-- Entries shown follows --
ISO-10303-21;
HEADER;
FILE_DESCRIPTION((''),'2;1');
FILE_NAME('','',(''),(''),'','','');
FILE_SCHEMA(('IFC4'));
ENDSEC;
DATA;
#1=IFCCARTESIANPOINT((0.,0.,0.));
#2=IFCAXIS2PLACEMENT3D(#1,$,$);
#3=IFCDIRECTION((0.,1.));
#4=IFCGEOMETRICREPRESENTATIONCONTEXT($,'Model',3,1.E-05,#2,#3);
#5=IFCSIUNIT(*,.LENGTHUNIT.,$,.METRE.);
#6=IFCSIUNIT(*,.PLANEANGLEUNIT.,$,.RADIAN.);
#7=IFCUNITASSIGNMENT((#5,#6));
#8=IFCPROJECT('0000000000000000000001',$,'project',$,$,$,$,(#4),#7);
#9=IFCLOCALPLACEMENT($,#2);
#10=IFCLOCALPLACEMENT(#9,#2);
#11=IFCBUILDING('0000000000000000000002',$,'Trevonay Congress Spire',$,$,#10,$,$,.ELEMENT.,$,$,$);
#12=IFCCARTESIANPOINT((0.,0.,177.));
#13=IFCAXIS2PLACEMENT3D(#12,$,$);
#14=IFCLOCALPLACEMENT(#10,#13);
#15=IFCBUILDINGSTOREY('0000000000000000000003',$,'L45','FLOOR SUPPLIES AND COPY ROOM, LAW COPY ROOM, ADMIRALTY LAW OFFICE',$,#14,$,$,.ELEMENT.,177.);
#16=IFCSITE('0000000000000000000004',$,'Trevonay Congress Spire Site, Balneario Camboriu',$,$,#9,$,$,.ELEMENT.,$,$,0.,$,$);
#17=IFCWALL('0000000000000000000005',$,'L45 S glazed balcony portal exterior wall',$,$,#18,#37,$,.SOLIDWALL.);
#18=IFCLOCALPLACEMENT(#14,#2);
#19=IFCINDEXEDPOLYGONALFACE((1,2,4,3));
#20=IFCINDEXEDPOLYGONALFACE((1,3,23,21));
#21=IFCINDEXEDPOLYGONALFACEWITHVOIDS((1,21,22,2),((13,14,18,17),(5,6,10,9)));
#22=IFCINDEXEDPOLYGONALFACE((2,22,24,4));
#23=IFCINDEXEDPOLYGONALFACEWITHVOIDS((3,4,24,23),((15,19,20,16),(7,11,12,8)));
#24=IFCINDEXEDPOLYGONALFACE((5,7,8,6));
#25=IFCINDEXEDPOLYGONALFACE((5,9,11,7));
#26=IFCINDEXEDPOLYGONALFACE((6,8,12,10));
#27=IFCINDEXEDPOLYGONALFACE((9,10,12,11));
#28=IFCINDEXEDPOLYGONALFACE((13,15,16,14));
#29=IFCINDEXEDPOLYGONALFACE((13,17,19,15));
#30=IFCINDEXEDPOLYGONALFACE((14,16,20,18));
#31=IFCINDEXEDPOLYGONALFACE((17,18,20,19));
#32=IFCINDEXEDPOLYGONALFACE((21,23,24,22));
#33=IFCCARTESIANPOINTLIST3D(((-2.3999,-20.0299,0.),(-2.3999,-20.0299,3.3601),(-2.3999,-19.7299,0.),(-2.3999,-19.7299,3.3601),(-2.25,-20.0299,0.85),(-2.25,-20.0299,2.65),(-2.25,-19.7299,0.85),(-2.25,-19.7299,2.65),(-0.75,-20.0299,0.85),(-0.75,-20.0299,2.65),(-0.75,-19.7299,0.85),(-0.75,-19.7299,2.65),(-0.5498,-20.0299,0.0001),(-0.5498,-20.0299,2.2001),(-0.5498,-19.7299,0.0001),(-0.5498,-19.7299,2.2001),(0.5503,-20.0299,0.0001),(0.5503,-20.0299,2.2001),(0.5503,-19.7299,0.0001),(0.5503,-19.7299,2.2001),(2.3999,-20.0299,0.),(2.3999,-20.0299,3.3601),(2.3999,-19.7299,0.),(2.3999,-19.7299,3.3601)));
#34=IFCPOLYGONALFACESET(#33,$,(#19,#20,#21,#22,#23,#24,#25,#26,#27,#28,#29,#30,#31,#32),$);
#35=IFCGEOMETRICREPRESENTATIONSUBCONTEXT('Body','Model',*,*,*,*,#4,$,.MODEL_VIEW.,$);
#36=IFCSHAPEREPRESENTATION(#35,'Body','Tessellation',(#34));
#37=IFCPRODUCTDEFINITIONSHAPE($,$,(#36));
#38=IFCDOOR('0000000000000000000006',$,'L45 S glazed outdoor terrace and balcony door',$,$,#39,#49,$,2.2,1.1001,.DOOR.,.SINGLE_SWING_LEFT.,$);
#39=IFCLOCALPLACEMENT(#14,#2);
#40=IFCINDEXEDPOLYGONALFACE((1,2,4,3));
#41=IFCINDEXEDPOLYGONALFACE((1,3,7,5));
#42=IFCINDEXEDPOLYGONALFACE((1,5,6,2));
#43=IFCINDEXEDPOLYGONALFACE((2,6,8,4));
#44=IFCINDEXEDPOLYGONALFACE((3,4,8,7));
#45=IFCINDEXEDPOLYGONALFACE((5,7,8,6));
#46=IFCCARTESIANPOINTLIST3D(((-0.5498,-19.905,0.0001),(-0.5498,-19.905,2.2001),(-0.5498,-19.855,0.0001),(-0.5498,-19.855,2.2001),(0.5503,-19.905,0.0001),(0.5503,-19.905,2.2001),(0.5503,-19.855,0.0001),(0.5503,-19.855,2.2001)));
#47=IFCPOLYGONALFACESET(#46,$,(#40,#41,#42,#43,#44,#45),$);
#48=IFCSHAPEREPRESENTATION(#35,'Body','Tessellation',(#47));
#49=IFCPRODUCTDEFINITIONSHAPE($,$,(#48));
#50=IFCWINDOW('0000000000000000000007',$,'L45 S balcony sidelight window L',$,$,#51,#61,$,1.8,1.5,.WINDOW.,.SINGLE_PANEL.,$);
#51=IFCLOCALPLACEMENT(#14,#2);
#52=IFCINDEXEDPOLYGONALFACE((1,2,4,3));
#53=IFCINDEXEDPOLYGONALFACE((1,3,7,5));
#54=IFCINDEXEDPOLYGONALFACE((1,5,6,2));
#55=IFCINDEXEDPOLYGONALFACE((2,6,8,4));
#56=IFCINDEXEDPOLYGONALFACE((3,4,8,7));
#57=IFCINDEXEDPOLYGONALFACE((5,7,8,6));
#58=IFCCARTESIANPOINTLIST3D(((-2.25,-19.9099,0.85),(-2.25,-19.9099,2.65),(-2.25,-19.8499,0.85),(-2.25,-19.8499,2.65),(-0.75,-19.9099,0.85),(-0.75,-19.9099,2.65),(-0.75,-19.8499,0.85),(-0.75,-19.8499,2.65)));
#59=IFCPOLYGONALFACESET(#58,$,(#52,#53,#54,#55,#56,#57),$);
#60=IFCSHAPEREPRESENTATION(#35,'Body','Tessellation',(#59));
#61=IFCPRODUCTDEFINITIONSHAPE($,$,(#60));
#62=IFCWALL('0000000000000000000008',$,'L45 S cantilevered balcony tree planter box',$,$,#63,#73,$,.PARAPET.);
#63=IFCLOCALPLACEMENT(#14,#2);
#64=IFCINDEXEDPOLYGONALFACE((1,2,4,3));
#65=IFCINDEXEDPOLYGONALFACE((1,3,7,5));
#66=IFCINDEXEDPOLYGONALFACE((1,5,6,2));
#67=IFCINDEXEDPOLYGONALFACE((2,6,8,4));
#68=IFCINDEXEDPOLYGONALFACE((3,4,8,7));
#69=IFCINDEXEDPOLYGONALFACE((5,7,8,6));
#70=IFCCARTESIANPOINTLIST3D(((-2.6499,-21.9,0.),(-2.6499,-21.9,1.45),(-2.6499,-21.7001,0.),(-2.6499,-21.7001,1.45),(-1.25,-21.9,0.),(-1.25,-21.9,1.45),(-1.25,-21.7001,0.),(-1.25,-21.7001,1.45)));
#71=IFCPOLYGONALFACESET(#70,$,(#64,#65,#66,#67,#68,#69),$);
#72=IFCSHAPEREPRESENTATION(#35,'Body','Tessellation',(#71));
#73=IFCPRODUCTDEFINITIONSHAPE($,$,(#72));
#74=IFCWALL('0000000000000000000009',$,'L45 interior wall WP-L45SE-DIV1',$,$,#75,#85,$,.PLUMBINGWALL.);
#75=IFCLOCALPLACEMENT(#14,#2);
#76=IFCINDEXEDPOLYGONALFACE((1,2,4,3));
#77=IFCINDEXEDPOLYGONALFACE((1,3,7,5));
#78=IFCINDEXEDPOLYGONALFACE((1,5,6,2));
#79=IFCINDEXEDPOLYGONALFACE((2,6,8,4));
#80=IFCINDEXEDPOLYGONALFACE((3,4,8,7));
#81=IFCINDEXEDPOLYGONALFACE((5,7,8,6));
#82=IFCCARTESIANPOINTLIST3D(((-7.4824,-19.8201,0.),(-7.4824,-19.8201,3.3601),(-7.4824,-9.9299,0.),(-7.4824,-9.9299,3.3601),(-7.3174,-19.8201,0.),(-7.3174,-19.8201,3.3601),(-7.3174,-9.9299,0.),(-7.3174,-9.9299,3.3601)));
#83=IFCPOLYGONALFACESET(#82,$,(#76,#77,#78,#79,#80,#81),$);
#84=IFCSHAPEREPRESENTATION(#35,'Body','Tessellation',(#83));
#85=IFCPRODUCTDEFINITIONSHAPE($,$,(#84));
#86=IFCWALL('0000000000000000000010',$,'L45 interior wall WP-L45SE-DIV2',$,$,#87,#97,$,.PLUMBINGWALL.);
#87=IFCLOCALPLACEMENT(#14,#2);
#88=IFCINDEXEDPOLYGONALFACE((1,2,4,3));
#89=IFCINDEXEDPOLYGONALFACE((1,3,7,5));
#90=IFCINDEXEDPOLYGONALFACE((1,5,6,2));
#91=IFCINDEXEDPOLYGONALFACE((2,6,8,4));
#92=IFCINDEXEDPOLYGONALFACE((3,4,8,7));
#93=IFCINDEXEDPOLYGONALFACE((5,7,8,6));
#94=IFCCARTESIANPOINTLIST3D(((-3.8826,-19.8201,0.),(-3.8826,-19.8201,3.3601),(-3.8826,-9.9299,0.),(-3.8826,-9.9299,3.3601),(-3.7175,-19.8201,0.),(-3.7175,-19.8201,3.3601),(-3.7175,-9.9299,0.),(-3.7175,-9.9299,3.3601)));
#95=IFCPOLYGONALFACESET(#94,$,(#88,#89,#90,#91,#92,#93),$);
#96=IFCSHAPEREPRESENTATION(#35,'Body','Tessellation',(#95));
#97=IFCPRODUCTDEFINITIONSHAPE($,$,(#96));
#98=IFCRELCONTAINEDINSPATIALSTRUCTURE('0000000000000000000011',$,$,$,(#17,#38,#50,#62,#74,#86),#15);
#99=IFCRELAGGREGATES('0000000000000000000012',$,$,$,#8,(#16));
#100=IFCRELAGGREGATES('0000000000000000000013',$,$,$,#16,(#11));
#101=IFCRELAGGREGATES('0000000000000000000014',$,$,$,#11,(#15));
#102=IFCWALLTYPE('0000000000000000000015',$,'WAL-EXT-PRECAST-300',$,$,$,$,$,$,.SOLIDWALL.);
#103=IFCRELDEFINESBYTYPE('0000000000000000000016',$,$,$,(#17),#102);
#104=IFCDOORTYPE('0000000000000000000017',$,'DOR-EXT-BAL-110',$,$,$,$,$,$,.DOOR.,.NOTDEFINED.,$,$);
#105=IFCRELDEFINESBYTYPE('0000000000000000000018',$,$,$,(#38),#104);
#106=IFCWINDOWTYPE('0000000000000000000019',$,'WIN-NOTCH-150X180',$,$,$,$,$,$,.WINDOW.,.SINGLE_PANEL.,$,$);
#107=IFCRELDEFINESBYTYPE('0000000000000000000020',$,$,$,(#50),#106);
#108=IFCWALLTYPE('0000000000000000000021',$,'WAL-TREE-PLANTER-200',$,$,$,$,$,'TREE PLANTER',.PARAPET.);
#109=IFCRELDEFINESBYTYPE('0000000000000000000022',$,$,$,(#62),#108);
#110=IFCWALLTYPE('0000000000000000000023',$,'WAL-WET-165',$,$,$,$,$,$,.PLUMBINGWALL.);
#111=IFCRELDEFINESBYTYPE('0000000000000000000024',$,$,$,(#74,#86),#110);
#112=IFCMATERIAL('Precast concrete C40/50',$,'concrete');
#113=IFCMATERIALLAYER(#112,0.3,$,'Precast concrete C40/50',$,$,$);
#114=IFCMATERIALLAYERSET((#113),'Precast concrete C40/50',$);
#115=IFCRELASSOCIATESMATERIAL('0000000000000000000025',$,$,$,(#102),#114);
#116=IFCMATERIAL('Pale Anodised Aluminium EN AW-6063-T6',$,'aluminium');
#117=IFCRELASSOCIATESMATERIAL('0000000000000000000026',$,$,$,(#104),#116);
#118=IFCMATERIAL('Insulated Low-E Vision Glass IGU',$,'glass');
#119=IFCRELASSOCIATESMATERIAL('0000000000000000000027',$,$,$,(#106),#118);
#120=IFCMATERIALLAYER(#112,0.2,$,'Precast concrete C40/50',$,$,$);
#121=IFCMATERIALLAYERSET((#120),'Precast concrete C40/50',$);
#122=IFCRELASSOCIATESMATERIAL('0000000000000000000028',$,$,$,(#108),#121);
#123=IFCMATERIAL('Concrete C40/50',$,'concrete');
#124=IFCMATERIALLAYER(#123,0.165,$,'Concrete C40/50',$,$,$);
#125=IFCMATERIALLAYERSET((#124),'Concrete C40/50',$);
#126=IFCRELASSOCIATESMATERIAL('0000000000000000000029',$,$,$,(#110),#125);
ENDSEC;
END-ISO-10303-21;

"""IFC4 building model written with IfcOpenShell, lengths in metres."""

from ifc_helpers import new_model, si_unit, direction, frame, frame_2d, origin, place, context, subcontext, project, spatial, rectangle, extrude, material, layer, layer_set, type_object, element, fill, save


model = new_model("IFC4")

# Units and contexts
model_context = context("Model", 3, precision=1e-05, world=origin(), true_north=direction((0.0, 1.0)))
body_context = subcontext(model_context, "Body", "Model", "MODEL_VIEW")
ifc_project = project(units=[si_unit("LENGTHUNIT", "METRE"), si_unit("PLANEANGLEUNIT", "RADIAN")], contexts=[model_context])

# Site, building, storey
site_placement = place(None, origin())
site = spatial("IfcSite", under=ifc_project, at=site_placement, Name="Trevonay Congress Spire Site, Balneario Camboriu", CompositionType="ELEMENT", RefElevation=0.0)
building_placement = place(site_placement, origin())
building = spatial("IfcBuilding", under=site, at=building_placement, Name="Trevonay Congress Spire", CompositionType="ELEMENT")
storey_placement = place(building_placement, frame((0.0, 0.0, 177.0)))
storey = spatial("IfcBuildingStorey", under=building, at=storey_placement, Name="L45", Description="FLOOR SUPPLIES AND COPY ROOM, LAW COPY ROOM, ADMIRALTY LAW OFFICE", CompositionType="ELEMENT", Elevation=177.0)

# Shared definitions
ifc_material_1 = material(Name="Pale Anodised Aluminium EN AW-6063-T6", Category="aluminium")
ifc_material_2 = material(Name="Insulated Low-E Vision Glass IGU", Category="glass")

# Shared definitions
ifc_material_3 = material(Name="Concrete C40/50", Category="concrete")

# Wall, openings, door, window
ifc_material_4 = material(Name="Precast concrete C40/50", Category="concrete")
ifc_layer_1 = layer(ifc_material_4, 0.3, Name="Precast concrete C40/50")
ifc_layer_set_1 = layer_set([ifc_layer_1], Name="Precast concrete C40/50")
wall_type_1 = type_object("IfcWallType", Name="WAL-EXT-PRECAST-300", PredefinedType="SOLIDWALL", material=ifc_layer_set_1)
wall_1_placement = place(storey_placement, frame((-2.3999, -19.8799, 0.0), z_axis=(0.0, 0.0, 1.0), x_axis=(1.0, 0.0, 0.0)))
wall_1 = element("IfcWall", 1, at=wall_1_placement, inside=storey, type_object=wall_type_1, Name="L45 S glazed balcony portal exterior wall", PredefinedType="SOLIDWALL", context=body_context, shape_type="SweptSolid", body=[
    extrude(rectangle(XDim=4.7998, YDim=0.3, at=frame_2d((2.3999, 0.0))), origin(), (0.0, 0.0, 1.0), 3.3601),
])
opening_1_placement = place(wall_1_placement, frame((1.8501, 0.0, 0.0)))
opening_1 = element("IfcOpeningElement", 2, at=opening_1_placement, cuts=wall_1, PredefinedType="OPENING", context=body_context, shape_type="SweptSolid", body=[
    extrude(rectangle(XDim=1.1001, YDim=2.2, at=frame_2d((0.55, 1.1001))), frame((0.0, 0.1602, 0.0), z_axis=(0.0, -1.0, 0.0), x_axis=(1.0, 0.0, 0.0)), (0.0, 0.0, 1.0), 0.3201),
])
opening_2_placement = place(wall_1_placement, frame((0.1499, 0.0, 0.8501)))
opening_2 = element("IfcOpeningElement", 3, at=opening_2_placement, cuts=wall_1, PredefinedType="OPENING", context=body_context, shape_type="SweptSolid", body=[
    extrude(rectangle(XDim=1.5, YDim=1.8, at=frame_2d((0.75, 0.8999))), frame((0.0, 0.1602, 0.0), z_axis=(0.0, -1.0, 0.0), x_axis=(1.0, 0.0, 0.0)), (0.0, 0.0, 1.0), 0.3201),
])
door_type_1 = type_object("IfcDoorType", Name="DOR-EXT-BAL-110", OperationType="NOTDEFINED", PredefinedType="DOOR", material=ifc_material_1)
door_1_placement = place(opening_1_placement, origin())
-- Entries shown concluded --
### What is required
Lines from the first one above through the line containing "#10=IFCLOCALPLACEMENT(#9,#2);" are to be retyped exactly, both included, and nothing more.

### Task result
ISO-10303-21;
HEADER;
FILE_DESCRIPTION((''),'2;1');
FILE_NAME('','',(''),(''),'','','');
FILE_SCHEMA(('IFC4'));
ENDSEC;
DATA;
#1=IFCCARTESIANPOINT((0.,0.,0.));
#2=IFCAXIS2PLACEMENT3D(#1,$,$);
#3=IFCDIRECTION((0.,1.));
#4=IFCGEOMETRICREPRESENTATIONCONTEXT($,'Model',3,1.E-05,#2,#3);
#5=IFCSIUNIT(*,.LENGTHUNIT.,$,.METRE.);
#6=IFCSIUNIT(*,.PLANEANGLEUNIT.,$,.RADIAN.);
#7=IFCUNITASSIGNMENT((#5,#6));
#8=IFCPROJECT('0000000000000000000001',$,'project',$,$,$,$,(#4),#7);
#9=IFCLOCALPLACEMENT($,#2);
#10=IFCLOCALPLACEMENT(#9,#2);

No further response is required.